(What the exercise asks):
Exact reproduction required: the lines below from the line with "#111=IFCINDEXEDPOLYGONALFACE((3,39,42,6));" to the line with "#118=IFCINDEXEDPOLYGONALFACE((10,46,48,12));", both ends included, and no others.

START Material for this exercise

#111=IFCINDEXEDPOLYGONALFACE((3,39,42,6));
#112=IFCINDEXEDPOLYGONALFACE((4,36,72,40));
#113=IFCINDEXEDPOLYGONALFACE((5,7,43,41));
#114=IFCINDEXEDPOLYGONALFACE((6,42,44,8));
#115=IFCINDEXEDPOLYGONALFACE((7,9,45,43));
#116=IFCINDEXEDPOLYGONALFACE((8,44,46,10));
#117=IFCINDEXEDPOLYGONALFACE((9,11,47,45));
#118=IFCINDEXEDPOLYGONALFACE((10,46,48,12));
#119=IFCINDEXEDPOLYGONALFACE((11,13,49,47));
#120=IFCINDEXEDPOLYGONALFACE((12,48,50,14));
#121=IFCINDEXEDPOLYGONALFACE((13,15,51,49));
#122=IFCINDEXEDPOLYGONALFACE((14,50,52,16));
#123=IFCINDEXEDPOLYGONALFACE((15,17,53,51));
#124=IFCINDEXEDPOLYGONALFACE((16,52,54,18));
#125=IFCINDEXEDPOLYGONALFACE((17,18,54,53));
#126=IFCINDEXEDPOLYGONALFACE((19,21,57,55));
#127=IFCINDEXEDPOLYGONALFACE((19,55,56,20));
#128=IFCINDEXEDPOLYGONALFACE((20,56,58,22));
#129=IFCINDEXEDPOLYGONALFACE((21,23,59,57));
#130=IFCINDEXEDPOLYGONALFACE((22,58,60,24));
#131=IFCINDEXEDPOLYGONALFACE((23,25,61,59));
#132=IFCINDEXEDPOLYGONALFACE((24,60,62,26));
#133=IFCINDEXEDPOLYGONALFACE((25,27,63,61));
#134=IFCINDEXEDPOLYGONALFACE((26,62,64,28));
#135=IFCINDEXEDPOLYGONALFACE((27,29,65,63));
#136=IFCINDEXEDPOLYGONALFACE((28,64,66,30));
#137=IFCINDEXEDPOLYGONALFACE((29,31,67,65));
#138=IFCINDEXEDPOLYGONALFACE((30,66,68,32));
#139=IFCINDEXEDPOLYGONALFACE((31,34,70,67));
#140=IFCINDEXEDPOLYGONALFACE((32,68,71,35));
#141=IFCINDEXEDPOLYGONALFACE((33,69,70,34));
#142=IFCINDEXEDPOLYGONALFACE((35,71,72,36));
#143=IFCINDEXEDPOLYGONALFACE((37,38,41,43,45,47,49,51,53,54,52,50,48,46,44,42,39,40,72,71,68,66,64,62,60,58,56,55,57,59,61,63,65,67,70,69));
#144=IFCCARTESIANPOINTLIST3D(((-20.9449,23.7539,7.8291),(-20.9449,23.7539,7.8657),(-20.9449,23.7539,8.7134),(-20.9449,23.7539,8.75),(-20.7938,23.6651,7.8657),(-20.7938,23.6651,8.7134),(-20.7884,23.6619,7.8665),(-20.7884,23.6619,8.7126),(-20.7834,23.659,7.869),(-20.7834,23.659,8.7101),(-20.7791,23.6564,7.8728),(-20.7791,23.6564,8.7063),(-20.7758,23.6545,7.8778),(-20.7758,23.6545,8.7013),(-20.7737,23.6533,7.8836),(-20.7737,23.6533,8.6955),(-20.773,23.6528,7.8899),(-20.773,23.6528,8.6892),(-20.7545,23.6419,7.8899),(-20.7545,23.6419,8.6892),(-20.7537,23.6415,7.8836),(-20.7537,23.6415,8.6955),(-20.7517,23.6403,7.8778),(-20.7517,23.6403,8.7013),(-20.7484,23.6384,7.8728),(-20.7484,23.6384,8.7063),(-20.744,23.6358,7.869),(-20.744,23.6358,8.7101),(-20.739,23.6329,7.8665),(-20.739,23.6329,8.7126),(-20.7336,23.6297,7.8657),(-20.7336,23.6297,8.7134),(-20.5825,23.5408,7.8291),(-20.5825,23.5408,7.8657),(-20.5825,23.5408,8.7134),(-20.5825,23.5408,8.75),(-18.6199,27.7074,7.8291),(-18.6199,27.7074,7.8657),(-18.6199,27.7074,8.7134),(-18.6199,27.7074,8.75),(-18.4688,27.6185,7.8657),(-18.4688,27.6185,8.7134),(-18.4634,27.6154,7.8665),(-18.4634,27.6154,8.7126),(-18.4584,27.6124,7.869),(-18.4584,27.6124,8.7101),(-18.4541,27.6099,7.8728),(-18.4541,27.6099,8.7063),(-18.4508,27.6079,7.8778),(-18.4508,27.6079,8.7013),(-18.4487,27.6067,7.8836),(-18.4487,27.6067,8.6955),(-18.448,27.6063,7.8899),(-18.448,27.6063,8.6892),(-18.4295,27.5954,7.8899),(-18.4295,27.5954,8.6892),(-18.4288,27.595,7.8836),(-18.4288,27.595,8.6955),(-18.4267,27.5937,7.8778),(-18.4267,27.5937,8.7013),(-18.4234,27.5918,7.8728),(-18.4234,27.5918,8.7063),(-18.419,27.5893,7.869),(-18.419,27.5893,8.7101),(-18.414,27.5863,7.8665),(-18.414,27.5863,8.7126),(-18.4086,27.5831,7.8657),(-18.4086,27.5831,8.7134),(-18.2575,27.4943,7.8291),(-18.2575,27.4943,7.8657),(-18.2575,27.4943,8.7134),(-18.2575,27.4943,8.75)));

END Material for this exercise
START Material for this exercise

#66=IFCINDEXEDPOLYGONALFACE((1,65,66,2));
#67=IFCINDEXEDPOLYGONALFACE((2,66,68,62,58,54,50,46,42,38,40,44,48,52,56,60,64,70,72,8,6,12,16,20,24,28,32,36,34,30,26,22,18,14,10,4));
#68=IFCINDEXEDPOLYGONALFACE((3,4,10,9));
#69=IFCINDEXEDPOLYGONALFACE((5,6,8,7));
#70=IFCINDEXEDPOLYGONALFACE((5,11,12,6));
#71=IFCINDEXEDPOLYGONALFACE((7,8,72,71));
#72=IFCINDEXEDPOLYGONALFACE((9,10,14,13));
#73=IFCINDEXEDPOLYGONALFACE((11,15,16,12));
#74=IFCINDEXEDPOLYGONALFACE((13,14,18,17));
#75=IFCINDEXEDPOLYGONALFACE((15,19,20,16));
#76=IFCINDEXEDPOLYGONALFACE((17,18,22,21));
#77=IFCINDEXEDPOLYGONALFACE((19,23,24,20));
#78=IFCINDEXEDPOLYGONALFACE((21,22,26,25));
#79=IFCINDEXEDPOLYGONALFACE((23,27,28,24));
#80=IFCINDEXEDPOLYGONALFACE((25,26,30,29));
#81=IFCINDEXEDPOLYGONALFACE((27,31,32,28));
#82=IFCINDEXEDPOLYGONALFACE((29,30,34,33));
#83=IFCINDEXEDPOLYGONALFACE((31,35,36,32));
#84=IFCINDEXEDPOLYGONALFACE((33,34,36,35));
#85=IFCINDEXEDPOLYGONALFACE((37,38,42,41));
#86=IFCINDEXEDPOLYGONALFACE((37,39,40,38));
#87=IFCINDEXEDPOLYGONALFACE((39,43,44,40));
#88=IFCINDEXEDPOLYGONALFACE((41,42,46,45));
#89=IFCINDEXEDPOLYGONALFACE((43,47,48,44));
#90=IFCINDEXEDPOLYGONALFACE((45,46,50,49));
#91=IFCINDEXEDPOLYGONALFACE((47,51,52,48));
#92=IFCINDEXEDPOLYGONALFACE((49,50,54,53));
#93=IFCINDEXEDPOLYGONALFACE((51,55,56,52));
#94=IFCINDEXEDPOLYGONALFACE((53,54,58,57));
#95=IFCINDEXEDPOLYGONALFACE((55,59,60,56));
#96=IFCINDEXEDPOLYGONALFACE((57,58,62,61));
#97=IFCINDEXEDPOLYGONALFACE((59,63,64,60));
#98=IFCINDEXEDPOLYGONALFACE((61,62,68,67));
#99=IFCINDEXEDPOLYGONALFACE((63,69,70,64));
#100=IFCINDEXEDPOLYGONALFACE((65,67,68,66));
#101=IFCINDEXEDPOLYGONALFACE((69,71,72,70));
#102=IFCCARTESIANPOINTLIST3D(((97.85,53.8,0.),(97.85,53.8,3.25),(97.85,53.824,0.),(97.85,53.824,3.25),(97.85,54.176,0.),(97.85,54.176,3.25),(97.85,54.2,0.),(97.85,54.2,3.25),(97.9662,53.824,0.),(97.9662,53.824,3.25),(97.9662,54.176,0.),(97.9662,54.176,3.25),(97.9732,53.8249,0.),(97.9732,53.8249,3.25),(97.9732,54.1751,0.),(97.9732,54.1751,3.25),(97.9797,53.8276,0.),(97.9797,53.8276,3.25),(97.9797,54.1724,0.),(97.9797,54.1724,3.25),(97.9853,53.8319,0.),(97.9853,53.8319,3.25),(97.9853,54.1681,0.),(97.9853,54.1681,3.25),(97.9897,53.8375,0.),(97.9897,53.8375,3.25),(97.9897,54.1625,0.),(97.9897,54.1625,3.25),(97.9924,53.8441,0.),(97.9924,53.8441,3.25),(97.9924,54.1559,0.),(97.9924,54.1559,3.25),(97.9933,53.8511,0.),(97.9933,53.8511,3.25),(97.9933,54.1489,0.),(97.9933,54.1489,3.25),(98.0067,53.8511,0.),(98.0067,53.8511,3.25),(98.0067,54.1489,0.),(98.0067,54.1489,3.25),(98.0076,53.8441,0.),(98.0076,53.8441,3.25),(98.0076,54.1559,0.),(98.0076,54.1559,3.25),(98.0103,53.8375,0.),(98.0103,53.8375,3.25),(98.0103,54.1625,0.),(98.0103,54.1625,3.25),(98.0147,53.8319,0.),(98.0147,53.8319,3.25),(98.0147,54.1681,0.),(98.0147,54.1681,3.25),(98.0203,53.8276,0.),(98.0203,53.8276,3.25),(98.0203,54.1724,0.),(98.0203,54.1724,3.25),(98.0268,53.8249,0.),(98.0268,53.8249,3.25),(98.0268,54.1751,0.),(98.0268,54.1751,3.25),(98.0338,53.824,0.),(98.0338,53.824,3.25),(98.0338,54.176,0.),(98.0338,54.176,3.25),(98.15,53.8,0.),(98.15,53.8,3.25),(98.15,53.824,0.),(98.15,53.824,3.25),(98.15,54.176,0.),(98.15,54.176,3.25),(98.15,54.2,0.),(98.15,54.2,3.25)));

END Material for this exercise
START Material for this exercise

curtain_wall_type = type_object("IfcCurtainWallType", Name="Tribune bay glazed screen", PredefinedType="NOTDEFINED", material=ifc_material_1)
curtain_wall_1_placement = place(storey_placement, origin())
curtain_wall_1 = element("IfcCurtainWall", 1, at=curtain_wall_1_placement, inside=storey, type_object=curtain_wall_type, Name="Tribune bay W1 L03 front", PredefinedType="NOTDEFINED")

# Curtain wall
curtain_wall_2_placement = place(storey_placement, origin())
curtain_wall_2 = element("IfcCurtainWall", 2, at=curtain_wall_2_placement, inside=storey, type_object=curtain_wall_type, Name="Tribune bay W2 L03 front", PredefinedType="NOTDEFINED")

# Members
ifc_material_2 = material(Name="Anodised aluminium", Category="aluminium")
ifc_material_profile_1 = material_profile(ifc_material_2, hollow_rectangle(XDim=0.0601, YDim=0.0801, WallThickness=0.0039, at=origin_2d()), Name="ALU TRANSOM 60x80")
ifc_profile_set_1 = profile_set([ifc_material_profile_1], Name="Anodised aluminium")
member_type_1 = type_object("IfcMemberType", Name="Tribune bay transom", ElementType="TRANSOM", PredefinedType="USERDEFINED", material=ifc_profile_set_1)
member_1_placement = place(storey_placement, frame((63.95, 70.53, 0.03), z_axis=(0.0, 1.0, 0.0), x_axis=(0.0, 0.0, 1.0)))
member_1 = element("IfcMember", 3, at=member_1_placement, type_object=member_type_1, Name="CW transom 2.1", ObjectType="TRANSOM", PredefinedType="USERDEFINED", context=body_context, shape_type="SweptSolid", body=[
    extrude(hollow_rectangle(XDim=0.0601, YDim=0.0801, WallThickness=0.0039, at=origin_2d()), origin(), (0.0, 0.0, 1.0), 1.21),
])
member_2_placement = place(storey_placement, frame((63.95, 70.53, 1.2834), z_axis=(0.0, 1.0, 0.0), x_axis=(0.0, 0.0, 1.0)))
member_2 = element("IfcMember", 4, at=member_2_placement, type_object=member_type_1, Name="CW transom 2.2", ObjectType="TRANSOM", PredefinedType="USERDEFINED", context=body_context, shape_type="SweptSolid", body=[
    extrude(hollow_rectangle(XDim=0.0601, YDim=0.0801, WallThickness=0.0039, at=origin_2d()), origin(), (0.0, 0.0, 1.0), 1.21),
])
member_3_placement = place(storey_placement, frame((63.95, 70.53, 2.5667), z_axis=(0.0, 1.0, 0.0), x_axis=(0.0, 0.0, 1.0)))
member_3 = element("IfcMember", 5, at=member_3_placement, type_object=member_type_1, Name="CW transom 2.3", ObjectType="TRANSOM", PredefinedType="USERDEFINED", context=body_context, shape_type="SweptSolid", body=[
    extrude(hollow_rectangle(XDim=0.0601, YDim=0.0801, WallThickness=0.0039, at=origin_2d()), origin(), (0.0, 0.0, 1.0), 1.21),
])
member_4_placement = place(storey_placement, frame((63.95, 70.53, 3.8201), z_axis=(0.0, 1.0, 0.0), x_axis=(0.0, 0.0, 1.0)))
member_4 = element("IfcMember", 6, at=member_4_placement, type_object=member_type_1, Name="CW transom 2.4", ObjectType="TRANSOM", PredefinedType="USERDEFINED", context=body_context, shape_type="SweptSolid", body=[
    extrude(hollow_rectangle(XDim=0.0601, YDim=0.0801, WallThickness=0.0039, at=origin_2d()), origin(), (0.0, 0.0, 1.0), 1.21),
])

END Material for this exercise

(Answer below):
#111=IFCINDEXEDPOLYGONALFACE((3,39,42,6));
#112=IFCINDEXEDPOLYGONALFACE((4,36,72,40));
#113=IFCINDEXEDPOLYGONALFACE((5,7,43,41));
#114=IFCINDEXEDPOLYGONALFACE((6,42,44,8));
#115=IFCINDEXEDPOLYGONALFACE((7,9,45,43));
#116=IFCINDEXEDPOLYGONALFACE((8,44,46,10));
#117=IFCINDEXEDPOLYGONALFACE((9,11,47,45));
#118=IFCINDEXEDPOLYGONALFACE((10,46,48,12));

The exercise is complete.